▶ Assignment: Write out exactly what each line says, starting with the first line below and ending on the one with "#196=IFCMATERIALLAYER(#195,0.04,$,$,$,$,$);".

Stored data:
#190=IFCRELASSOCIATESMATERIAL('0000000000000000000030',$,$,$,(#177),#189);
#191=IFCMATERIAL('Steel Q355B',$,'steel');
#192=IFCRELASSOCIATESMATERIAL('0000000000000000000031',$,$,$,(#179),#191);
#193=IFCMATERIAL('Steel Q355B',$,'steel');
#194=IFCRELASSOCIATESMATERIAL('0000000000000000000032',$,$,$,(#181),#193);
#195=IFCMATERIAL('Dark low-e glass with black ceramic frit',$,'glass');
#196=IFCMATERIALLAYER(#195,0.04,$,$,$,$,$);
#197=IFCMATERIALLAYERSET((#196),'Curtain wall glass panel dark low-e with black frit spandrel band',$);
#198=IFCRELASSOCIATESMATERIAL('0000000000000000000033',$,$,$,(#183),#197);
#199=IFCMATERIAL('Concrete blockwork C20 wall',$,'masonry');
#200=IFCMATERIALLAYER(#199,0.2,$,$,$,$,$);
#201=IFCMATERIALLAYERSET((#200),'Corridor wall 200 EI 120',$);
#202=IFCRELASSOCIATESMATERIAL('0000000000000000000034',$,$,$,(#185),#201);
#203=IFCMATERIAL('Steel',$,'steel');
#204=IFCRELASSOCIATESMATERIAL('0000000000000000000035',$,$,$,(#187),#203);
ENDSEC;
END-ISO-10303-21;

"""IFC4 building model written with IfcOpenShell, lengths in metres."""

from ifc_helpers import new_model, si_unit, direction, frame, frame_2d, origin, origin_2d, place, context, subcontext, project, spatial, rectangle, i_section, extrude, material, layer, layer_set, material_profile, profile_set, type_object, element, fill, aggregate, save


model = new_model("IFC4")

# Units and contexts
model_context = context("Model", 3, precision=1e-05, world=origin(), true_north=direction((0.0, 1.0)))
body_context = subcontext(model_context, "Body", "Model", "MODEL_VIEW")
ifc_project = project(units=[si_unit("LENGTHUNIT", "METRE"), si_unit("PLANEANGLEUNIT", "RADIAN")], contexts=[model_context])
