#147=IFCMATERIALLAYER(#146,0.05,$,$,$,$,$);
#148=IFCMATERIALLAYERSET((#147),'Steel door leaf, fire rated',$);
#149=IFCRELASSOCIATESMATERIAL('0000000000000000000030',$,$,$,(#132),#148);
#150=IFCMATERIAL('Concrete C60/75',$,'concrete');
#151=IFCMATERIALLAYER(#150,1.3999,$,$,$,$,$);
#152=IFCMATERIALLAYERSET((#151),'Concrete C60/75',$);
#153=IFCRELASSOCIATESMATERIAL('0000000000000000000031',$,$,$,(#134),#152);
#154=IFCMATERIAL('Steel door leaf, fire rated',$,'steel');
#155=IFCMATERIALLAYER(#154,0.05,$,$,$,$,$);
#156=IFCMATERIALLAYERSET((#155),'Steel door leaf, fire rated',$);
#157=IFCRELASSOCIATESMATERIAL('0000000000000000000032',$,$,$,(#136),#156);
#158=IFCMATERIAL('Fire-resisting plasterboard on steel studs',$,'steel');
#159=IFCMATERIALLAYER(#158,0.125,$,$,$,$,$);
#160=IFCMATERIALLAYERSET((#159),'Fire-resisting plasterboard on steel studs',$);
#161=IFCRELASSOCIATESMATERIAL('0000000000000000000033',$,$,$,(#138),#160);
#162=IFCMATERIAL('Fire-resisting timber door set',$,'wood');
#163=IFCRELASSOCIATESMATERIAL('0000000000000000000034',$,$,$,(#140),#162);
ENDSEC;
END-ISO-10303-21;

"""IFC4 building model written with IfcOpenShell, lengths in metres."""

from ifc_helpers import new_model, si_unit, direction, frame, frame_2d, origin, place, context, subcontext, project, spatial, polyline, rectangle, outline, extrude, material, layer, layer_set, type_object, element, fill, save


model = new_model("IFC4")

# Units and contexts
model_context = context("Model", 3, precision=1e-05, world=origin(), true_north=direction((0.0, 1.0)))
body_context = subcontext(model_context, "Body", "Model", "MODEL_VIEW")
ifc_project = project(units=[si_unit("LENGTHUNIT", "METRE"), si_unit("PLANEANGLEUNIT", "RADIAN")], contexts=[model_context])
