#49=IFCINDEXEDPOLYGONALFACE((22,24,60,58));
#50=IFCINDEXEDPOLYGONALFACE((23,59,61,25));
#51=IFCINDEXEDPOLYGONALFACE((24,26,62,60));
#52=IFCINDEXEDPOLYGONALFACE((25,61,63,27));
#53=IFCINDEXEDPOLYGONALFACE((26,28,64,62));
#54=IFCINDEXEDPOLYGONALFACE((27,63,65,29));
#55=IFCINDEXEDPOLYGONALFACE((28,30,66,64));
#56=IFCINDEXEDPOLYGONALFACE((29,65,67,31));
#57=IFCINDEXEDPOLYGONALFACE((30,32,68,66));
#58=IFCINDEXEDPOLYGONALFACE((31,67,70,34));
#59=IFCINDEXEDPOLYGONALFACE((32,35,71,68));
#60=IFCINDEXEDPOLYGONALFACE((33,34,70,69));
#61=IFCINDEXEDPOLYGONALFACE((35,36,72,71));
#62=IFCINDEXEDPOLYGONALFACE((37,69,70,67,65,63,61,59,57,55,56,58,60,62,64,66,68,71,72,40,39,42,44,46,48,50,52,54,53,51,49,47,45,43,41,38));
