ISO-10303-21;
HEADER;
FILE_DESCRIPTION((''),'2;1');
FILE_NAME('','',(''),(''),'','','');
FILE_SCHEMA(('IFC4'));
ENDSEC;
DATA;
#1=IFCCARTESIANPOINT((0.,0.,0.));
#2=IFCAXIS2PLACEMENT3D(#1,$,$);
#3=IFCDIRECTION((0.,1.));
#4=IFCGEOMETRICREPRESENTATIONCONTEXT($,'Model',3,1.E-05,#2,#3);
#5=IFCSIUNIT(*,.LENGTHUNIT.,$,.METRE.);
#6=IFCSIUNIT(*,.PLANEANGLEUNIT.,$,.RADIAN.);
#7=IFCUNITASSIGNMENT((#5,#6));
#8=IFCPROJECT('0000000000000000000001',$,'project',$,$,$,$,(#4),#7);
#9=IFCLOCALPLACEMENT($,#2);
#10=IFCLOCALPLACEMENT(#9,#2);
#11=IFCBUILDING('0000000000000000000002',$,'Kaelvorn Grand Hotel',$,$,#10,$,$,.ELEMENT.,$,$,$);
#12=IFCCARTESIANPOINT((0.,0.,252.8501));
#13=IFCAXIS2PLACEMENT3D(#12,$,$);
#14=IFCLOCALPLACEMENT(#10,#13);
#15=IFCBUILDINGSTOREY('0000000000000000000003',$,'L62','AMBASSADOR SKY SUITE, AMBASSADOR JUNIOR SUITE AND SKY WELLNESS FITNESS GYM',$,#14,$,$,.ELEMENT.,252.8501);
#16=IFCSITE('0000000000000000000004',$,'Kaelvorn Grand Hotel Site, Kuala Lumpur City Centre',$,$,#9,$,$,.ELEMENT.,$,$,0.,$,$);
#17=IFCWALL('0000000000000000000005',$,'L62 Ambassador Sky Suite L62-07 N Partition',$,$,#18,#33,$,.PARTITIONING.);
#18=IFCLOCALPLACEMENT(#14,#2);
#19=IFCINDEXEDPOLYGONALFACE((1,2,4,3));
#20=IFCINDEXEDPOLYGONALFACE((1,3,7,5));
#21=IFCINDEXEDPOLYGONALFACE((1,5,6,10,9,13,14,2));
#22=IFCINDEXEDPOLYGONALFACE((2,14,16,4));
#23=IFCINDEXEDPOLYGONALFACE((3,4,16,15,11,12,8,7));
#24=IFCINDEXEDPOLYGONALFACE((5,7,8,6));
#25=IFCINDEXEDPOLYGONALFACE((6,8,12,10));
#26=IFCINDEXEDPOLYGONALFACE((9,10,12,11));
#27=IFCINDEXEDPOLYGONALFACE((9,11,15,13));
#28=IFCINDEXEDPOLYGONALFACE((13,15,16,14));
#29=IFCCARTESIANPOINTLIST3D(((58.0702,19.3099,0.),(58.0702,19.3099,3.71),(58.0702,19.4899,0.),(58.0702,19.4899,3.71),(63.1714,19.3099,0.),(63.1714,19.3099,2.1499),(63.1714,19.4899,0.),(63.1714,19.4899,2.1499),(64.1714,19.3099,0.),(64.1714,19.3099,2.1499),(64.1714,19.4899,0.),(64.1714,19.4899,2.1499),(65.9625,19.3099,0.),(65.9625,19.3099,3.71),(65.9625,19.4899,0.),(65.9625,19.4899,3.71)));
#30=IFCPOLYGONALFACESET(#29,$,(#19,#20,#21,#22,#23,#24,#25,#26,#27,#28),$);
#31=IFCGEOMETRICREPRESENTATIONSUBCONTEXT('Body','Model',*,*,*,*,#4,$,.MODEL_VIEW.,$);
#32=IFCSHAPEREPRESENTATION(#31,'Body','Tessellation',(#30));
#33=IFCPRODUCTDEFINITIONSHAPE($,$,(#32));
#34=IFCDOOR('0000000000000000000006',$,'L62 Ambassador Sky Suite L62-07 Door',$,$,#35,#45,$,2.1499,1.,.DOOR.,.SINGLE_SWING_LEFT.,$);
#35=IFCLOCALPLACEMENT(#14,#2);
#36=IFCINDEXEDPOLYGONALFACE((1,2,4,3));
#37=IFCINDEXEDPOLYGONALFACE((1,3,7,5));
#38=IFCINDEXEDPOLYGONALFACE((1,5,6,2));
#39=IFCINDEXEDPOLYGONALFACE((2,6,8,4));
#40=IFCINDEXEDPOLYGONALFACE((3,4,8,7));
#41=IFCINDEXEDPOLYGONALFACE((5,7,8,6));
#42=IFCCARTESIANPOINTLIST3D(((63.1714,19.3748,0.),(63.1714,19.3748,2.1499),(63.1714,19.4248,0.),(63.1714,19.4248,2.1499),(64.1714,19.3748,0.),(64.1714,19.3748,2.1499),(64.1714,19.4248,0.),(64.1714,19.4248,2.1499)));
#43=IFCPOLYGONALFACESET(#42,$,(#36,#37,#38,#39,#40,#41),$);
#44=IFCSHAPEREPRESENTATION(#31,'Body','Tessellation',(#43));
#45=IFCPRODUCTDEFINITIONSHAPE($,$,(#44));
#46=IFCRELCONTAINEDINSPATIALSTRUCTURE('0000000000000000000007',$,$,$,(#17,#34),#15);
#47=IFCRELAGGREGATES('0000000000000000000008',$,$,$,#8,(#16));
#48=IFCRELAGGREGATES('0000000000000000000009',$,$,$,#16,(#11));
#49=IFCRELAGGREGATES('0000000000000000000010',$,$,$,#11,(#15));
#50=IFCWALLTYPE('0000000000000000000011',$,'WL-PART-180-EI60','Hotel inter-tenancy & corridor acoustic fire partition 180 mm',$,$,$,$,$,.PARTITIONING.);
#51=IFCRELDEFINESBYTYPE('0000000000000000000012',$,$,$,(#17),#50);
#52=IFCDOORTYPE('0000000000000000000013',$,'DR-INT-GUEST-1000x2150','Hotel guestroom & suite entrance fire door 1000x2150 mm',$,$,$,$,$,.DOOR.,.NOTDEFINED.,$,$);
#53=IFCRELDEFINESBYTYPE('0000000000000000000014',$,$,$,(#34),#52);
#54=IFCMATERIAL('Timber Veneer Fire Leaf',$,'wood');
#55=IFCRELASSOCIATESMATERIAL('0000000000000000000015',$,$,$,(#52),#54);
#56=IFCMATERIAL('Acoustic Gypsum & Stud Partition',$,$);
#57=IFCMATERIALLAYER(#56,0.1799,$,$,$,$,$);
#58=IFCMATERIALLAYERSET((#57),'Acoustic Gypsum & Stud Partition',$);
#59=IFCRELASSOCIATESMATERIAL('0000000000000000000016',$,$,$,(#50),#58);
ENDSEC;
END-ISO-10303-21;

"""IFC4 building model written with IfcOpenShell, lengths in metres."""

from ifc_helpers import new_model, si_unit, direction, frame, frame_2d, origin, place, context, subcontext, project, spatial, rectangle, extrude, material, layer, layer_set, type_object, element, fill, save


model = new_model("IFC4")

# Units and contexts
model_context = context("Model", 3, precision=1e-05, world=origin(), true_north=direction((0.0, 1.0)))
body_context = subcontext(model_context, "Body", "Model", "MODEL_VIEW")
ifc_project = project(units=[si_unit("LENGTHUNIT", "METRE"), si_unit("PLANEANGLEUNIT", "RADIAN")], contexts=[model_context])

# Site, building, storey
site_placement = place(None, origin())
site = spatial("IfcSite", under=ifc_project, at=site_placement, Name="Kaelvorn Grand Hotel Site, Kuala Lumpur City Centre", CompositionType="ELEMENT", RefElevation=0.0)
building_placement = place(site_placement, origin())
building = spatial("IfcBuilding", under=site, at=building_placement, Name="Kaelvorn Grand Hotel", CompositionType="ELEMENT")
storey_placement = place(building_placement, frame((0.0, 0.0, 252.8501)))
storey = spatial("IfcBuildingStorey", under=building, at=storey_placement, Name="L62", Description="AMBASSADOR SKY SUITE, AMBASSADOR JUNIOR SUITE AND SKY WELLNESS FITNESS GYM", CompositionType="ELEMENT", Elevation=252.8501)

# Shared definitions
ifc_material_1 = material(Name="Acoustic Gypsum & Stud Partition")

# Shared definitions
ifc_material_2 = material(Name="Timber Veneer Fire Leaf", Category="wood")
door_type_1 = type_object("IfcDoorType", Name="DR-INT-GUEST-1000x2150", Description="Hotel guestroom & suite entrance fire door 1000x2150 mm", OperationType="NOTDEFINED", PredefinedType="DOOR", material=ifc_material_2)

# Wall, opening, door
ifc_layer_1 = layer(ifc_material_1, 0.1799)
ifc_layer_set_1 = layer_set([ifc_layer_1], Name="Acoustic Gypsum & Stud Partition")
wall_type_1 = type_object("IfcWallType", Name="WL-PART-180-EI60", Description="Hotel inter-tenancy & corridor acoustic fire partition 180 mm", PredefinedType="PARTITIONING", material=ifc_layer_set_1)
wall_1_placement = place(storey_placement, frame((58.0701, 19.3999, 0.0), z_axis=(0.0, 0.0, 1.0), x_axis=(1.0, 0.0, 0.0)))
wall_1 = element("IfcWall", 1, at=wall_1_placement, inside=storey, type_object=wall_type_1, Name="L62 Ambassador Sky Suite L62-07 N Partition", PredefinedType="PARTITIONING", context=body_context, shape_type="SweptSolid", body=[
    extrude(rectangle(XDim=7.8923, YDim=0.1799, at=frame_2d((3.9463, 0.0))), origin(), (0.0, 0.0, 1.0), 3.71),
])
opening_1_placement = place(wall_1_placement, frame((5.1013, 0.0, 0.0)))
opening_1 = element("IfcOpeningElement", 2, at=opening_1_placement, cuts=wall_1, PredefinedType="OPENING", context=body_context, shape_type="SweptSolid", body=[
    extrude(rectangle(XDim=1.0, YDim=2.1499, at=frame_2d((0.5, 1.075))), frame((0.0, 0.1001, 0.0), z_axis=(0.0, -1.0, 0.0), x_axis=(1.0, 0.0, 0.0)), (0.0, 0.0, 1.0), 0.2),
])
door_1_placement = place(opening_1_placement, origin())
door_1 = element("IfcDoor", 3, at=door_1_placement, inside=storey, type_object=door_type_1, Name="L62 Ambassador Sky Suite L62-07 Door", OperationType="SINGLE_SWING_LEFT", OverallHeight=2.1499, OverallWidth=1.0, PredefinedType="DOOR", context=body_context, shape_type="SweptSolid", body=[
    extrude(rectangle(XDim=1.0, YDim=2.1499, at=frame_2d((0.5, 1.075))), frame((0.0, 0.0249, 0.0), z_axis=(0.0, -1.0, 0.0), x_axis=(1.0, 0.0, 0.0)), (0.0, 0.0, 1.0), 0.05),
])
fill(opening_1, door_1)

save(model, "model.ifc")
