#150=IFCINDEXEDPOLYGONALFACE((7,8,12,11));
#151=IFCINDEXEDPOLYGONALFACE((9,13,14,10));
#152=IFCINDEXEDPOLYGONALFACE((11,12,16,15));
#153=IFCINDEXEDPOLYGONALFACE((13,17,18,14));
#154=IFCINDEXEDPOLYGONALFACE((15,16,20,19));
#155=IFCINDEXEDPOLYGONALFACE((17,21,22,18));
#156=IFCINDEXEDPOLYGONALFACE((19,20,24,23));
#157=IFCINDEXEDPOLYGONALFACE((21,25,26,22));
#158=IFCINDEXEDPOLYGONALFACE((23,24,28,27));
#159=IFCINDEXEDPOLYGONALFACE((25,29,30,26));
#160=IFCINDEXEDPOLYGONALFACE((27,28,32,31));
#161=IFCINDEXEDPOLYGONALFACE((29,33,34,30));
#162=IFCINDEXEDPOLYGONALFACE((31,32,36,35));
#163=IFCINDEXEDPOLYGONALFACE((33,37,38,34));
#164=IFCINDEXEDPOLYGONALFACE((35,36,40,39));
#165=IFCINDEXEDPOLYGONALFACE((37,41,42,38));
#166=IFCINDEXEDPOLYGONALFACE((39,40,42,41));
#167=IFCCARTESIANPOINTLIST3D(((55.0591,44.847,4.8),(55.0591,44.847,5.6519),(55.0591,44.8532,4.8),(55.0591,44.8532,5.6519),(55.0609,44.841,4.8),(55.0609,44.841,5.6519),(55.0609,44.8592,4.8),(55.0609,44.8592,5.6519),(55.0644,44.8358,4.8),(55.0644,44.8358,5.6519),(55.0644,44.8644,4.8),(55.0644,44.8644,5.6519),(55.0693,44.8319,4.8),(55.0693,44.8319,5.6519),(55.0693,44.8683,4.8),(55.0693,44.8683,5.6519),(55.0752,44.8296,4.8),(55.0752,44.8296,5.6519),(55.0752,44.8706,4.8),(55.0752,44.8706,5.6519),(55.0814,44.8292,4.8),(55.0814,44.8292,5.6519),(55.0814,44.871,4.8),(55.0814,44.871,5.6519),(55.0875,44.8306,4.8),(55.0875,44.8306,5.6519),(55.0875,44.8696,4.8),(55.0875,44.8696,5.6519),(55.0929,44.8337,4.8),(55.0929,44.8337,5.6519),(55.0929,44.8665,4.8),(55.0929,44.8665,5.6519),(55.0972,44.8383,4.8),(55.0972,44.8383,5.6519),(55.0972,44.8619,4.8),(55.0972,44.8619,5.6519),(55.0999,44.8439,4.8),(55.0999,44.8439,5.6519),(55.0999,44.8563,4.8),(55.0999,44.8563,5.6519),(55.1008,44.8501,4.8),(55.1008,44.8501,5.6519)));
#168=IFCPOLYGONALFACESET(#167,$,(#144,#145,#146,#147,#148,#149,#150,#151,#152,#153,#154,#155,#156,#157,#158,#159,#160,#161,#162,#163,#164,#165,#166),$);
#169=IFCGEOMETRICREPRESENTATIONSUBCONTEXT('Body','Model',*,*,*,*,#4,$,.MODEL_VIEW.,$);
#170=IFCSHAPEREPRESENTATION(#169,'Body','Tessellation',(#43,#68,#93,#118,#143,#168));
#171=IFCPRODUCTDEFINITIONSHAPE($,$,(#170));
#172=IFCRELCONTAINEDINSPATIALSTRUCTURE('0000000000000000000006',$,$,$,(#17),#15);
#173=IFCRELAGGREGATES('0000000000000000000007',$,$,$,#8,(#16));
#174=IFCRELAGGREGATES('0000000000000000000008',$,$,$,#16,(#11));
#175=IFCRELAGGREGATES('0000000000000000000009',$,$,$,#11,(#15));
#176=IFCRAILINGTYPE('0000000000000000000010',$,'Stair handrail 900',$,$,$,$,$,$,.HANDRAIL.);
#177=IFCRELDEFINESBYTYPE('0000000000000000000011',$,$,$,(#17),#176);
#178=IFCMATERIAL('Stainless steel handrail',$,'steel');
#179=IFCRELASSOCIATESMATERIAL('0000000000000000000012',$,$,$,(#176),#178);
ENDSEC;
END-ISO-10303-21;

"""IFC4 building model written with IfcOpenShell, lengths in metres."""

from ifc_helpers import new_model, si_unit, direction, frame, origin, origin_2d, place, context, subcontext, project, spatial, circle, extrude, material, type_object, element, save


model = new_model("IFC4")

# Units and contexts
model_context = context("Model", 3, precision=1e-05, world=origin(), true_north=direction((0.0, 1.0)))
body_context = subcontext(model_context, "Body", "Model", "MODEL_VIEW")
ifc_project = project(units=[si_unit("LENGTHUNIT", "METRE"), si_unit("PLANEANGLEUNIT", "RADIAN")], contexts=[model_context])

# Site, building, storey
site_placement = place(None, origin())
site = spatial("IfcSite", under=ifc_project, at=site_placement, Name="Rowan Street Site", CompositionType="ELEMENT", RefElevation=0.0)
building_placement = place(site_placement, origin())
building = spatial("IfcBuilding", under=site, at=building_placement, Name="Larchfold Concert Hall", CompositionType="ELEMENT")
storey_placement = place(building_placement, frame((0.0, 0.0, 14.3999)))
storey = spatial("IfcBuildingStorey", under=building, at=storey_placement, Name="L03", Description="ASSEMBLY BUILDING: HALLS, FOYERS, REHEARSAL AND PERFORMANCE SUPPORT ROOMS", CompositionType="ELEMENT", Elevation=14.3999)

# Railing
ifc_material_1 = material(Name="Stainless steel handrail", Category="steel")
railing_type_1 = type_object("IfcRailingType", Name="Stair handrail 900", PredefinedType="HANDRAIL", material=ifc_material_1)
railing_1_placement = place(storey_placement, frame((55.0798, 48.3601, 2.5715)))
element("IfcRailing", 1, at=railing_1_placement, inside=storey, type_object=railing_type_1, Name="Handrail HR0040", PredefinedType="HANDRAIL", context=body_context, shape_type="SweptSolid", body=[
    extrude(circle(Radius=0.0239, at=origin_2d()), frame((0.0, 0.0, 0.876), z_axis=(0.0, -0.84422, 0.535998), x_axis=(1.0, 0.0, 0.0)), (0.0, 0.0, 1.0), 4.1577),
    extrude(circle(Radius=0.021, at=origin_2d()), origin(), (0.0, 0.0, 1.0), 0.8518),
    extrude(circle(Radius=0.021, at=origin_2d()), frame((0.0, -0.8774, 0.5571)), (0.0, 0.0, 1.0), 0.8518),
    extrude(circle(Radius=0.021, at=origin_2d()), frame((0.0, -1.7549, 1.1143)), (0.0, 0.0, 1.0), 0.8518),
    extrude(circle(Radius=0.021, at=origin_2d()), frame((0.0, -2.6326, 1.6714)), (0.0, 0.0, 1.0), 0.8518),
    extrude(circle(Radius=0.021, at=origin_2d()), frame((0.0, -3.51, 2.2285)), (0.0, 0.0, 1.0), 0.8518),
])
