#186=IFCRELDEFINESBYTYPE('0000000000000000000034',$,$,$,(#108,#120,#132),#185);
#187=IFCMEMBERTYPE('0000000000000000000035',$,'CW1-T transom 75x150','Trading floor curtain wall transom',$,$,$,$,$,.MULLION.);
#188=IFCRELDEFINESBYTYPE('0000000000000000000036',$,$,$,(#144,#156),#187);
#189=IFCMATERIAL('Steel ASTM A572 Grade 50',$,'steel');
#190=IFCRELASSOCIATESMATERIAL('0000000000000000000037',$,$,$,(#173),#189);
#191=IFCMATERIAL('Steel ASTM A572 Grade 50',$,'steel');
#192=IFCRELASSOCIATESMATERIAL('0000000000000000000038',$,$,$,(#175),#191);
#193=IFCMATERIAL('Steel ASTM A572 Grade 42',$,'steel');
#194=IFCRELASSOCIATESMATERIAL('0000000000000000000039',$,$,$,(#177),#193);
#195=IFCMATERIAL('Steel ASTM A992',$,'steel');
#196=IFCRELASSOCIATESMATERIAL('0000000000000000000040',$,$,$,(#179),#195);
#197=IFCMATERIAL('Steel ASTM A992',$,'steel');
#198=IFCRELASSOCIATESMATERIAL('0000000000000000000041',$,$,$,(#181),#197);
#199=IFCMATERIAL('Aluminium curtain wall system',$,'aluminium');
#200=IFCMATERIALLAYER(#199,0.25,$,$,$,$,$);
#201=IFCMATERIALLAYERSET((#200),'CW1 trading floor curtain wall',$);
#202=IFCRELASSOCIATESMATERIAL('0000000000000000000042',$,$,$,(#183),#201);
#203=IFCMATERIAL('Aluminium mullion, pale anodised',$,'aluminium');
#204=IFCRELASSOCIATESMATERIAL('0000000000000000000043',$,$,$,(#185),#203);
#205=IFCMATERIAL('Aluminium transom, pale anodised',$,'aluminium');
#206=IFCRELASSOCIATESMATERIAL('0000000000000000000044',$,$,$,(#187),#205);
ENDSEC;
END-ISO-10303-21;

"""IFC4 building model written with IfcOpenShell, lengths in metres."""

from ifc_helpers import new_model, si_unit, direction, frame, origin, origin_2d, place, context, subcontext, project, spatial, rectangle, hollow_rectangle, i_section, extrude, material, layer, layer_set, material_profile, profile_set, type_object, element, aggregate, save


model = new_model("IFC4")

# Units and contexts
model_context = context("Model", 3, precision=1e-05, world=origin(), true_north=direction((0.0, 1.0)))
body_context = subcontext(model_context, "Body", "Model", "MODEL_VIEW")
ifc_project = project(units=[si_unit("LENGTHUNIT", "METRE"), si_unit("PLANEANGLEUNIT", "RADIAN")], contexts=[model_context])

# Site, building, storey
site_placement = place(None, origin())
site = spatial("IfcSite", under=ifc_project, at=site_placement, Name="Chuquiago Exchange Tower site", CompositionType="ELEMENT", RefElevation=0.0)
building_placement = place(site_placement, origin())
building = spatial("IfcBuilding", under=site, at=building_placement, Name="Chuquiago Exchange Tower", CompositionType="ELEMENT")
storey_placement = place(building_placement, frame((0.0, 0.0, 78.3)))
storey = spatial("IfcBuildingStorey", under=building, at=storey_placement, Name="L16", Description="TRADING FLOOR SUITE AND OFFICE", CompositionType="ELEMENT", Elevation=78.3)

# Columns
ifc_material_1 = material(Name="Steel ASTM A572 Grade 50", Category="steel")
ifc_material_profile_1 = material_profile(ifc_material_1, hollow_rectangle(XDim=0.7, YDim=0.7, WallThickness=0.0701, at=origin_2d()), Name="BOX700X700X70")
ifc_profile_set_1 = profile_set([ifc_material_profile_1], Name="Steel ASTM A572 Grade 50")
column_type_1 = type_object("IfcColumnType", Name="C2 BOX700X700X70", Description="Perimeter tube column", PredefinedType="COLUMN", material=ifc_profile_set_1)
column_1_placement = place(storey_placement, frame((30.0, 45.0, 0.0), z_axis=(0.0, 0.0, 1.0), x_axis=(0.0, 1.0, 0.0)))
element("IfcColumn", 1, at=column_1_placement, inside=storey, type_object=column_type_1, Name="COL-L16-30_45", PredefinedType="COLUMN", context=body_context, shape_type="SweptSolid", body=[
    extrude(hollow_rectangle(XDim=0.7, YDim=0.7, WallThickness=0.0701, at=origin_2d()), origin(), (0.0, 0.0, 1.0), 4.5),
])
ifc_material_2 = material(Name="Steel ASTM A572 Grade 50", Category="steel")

▶ Result for this task:
#190=IFCRELASSOCIATESMATERIAL('0000000000000000000030',$,$,$,(#177),#189);
#191=IFCMATERIAL('Steel Q355B',$,'steel');
#192=IFCRELASSOCIATESMATERIAL('0000000000000000000031',$,$,$,(#179),#191);
#193=IFCMATERIAL('Steel Q355B',$,'steel');
#194=IFCRELASSOCIATESMATERIAL('0000000000000000000032',$,$,$,(#181),#193);
#195=IFCMATERIAL('Dark low-e glass with black ceramic frit',$,'glass');
#196=IFCMATERIALLAYER(#195,0.04,$,$,$,$,$);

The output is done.